▸ Problem to solve:
Write out, without any change, the lines in the material below that run from the line with "#158=IFCINDEXEDPOLYGONALFACE((9,13,14,10));" through the line with "#166=IFCINDEXEDPOLYGONALFACE((25,29,30,26));", both included.

————

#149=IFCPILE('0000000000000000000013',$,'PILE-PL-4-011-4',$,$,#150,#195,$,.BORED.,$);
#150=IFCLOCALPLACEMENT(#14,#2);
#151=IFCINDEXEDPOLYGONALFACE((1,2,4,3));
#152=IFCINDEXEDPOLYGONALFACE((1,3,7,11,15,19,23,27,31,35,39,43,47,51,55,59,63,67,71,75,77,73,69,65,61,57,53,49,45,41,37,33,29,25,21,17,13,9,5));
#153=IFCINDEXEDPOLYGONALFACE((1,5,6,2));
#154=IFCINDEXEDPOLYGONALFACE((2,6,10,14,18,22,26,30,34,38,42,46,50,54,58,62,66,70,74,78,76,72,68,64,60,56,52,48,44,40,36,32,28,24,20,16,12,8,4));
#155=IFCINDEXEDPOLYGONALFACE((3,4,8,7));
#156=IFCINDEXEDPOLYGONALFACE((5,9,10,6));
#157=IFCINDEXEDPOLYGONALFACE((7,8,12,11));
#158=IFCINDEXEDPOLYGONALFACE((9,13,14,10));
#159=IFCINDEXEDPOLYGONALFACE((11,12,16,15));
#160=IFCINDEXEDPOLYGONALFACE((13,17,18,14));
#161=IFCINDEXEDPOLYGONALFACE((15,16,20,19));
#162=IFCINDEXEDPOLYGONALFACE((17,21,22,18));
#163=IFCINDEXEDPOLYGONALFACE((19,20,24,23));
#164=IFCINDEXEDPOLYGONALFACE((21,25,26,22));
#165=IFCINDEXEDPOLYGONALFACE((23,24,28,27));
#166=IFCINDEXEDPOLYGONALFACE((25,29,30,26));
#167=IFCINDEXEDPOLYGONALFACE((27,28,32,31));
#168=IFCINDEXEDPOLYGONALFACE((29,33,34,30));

————

▸ Task result:
#158=IFCINDEXEDPOLYGONALFACE((9,13,14,10));
#159=IFCINDEXEDPOLYGONALFACE((11,12,16,15));
#160=IFCINDEXEDPOLYGONALFACE((13,17,18,14));
#161=IFCINDEXEDPOLYGONALFACE((15,16,20,19));
#162=IFCINDEXEDPOLYGONALFACE((17,21,22,18));
#163=IFCINDEXEDPOLYGONALFACE((19,20,24,23));
#164=IFCINDEXEDPOLYGONALFACE((21,25,26,22));
#165=IFCINDEXEDPOLYGONALFACE((23,24,28,27));
#166=IFCINDEXEDPOLYGONALFACE((25,29,30,26));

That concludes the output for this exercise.